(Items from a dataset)

= = = = =

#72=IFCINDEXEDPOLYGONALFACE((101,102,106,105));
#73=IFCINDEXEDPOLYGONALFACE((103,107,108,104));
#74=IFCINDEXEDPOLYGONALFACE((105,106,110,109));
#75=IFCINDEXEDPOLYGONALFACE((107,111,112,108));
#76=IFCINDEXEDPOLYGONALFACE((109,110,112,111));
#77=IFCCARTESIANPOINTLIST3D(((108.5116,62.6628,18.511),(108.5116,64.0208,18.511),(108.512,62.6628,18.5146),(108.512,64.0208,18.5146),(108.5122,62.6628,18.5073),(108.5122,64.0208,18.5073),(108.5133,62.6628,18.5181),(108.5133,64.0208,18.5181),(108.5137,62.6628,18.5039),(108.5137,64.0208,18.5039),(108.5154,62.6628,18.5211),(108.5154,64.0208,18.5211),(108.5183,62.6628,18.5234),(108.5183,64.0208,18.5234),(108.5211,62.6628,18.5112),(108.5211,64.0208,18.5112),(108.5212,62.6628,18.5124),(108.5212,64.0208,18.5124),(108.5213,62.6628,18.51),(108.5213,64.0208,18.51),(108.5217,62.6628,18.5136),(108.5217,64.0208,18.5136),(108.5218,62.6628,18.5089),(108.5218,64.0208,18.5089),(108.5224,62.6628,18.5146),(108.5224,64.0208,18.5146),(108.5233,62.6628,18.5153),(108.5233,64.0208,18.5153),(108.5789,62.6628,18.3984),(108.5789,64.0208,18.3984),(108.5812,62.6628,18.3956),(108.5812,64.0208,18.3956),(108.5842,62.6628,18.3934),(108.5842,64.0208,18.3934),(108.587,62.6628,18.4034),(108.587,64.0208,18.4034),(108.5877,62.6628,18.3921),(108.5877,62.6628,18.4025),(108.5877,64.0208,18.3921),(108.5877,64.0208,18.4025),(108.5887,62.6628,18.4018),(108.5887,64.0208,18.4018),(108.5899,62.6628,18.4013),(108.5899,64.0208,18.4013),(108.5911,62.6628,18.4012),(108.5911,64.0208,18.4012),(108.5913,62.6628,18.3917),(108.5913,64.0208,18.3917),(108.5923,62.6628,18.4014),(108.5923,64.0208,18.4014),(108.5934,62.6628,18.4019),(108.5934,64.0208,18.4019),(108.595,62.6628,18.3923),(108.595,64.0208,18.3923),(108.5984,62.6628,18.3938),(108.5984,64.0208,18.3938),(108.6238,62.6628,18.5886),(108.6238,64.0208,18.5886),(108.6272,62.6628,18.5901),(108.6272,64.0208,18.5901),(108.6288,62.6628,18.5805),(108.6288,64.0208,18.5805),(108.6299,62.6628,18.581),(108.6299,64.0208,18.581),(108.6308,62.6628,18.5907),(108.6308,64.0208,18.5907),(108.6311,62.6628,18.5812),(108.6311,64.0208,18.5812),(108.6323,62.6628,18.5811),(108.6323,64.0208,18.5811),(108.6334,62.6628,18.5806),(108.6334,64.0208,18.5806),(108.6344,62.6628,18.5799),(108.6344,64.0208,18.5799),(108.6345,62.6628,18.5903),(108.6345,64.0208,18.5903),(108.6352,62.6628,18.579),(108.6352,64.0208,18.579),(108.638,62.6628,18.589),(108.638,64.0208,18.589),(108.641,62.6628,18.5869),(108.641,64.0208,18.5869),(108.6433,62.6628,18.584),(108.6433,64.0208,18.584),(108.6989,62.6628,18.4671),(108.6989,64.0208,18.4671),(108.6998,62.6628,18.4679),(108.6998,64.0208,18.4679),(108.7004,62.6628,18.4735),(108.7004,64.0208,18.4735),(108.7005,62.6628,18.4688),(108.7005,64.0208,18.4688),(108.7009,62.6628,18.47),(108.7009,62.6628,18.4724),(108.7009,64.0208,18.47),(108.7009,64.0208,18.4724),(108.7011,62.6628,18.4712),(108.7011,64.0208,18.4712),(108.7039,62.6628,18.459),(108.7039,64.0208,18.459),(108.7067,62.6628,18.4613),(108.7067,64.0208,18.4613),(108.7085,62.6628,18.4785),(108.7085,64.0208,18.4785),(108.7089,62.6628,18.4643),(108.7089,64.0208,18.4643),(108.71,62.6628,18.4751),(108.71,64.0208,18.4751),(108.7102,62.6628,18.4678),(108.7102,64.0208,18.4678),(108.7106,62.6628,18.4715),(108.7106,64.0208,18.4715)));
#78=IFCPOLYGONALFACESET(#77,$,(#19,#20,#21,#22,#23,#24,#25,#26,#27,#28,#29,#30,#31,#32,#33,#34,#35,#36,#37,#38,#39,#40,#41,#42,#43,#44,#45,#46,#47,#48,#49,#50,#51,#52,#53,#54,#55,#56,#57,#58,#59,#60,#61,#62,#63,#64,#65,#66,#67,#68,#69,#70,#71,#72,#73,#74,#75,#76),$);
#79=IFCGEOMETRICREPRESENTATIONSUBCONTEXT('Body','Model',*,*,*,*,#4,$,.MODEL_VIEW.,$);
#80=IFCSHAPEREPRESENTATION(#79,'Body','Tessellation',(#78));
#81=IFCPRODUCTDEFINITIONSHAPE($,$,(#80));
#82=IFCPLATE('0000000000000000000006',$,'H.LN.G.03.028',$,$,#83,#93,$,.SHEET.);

= = = = =

Set down all of the data above, word for word.

#72=IFCINDEXEDPOLYGONALFACE((101,102,106,105));
#73=IFCINDEXEDPOLYGONALFACE((103,107,108,104));
#74=IFCINDEXEDPOLYGONALFACE((105,106,110,109));
#75=IFCINDEXEDPOLYGONALFACE((107,111,112,108));
#76=IFCINDEXEDPOLYGONALFACE((109,110,112,111));
#77=IFCCARTESIANPOINTLIST3D(((108.5116,62.6628,18.511),(108.5116,64.0208,18.511),(108.512,62.6628,18.5146),(108.512,64.0208,18.5146),(108.5122,62.6628,18.5073),(108.5122,64.0208,18.5073),(108.5133,62.6628,18.5181),(108.5133,64.0208,18.5181),(108.5137,62.6628,18.5039),(108.5137,64.0208,18.5039),(108.5154,62.6628,18.5211),(108.5154,64.0208,18.5211),(108.5183,62.6628,18.5234),(108.5183,64.0208,18.5234),(108.5211,62.6628,18.5112),(108.5211,64.0208,18.5112),(108.5212,62.6628,18.5124),(108.5212,64.0208,18.5124),(108.5213,62.6628,18.51),(108.5213,64.0208,18.51),(108.5217,62.6628,18.5136),(108.5217,64.0208,18.5136),(108.5218,62.6628,18.5089),(108.5218,64.0208,18.5089),(108.5224,62.6628,18.5146),(108.5224,64.0208,18.5146),(108.5233,62.6628,18.5153),(108.5233,64.0208,18.5153),(108.5789,62.6628,18.3984),(108.5789,64.0208,18.3984),(108.5812,62.6628,18.3956),(108.5812,64.0208,18.3956),(108.5842,62.6628,18.3934),(108.5842,64.0208,18.3934),(108.587,62.6628,18.4034),(108.587,64.0208,18.4034),(108.5877,62.6628,18.3921),(108.5877,62.6628,18.4025),(108.5877,64.0208,18.3921),(108.5877,64.0208,18.4025),(108.5887,62.6628,18.4018),(108.5887,64.0208,18.4018),(108.5899,62.6628,18.4013),(108.5899,64.0208,18.4013),(108.5911,62.6628,18.4012),(108.5911,64.0208,18.4012),(108.5913,62.6628,18.3917),(108.5913,64.0208,18.3917),(108.5923,62.6628,18.4014),(108.5923,64.0208,18.4014),(108.5934,62.6628,18.4019),(108.5934,64.0208,18.4019),(108.595,62.6628,18.3923),(108.595,64.0208,18.3923),(108.5984,62.6628,18.3938),(108.5984,64.0208,18.3938),(108.6238,62.6628,18.5886),(108.6238,64.0208,18.5886),(108.6272,62.6628,18.5901),(108.6272,64.0208,18.5901),(108.6288,62.6628,18.5805),(108.6288,64.0208,18.5805),(108.6299,62.6628,18.581),(108.6299,64.0208,18.581),(108.6308,62.6628,18.5907),(108.6308,64.0208,18.5907),(108.6311,62.6628,18.5812),(108.6311,64.0208,18.5812),(108.6323,62.6628,18.5811),(108.6323,64.0208,18.5811),(108.6334,62.6628,18.5806),(108.6334,64.0208,18.5806),(108.6344,62.6628,18.5799),(108.6344,64.0208,18.5799),(108.6345,62.6628,18.5903),(108.6345,64.0208,18.5903),(108.6352,62.6628,18.579),(108.6352,64.0208,18.579),(108.638,62.6628,18.589),(108.638,64.0208,18.589),(108.641,62.6628,18.5869),(108.641,64.0208,18.5869),(108.6433,62.6628,18.584),(108.6433,64.0208,18.584),(108.6989,62.6628,18.4671),(108.6989,64.0208,18.4671),(108.6998,62.6628,18.4679),(108.6998,64.0208,18.4679),(108.7004,62.6628,18.4735),(108.7004,64.0208,18.4735),(108.7005,62.6628,18.4688),(108.7005,64.0208,18.4688),(108.7009,62.6628,18.47),(108.7009,62.6628,18.4724),(108.7009,64.0208,18.47),(108.7009,64.0208,18.4724),(108.7011,62.6628,18.4712),(108.7011,64.0208,18.4712),(108.7039,62.6628,18.459),(108.7039,64.0208,18.459),(108.7067,62.6628,18.4613),(108.7067,64.0208,18.4613),(108.7085,62.6628,18.4785),(108.7085,64.0208,18.4785),(108.7089,62.6628,18.4643),(108.7089,64.0208,18.4643),(108.71,62.6628,18.4751),(108.71,64.0208,18.4751),(108.7102,62.6628,18.4678),(108.7102,64.0208,18.4678),(108.7106,62.6628,18.4715),(108.7106,64.0208,18.4715)));
#78=IFCPOLYGONALFACESET(#77,$,(#19,#20,#21,#22,#23,#24,#25,#26,#27,#28,#29,#30,#31,#32,#33,#34,#35,#36,#37,#38,#39,#40,#41,#42,#43,#44,#45,#46,#47,#48,#49,#50,#51,#52,#53,#54,#55,#56,#57,#58,#59,#60,#61,#62,#63,#64,#65,#66,#67,#68,#69,#70,#71,#72,#73,#74,#75,#76),$);
#79=IFCGEOMETRICREPRESENTATIONSUBCONTEXT('Body','Model',*,*,*,*,#4,$,.MODEL_VIEW.,$);
#80=IFCSHAPEREPRESENTATION(#79,'Body','Tessellation',(#78));
#81=IFCPRODUCTDEFINITIONSHAPE($,$,(#80));
#82=IFCPLATE('0000000000000000000006',$,'H.LN.G.03.028',$,$,#83,#93,$,.SHEET.);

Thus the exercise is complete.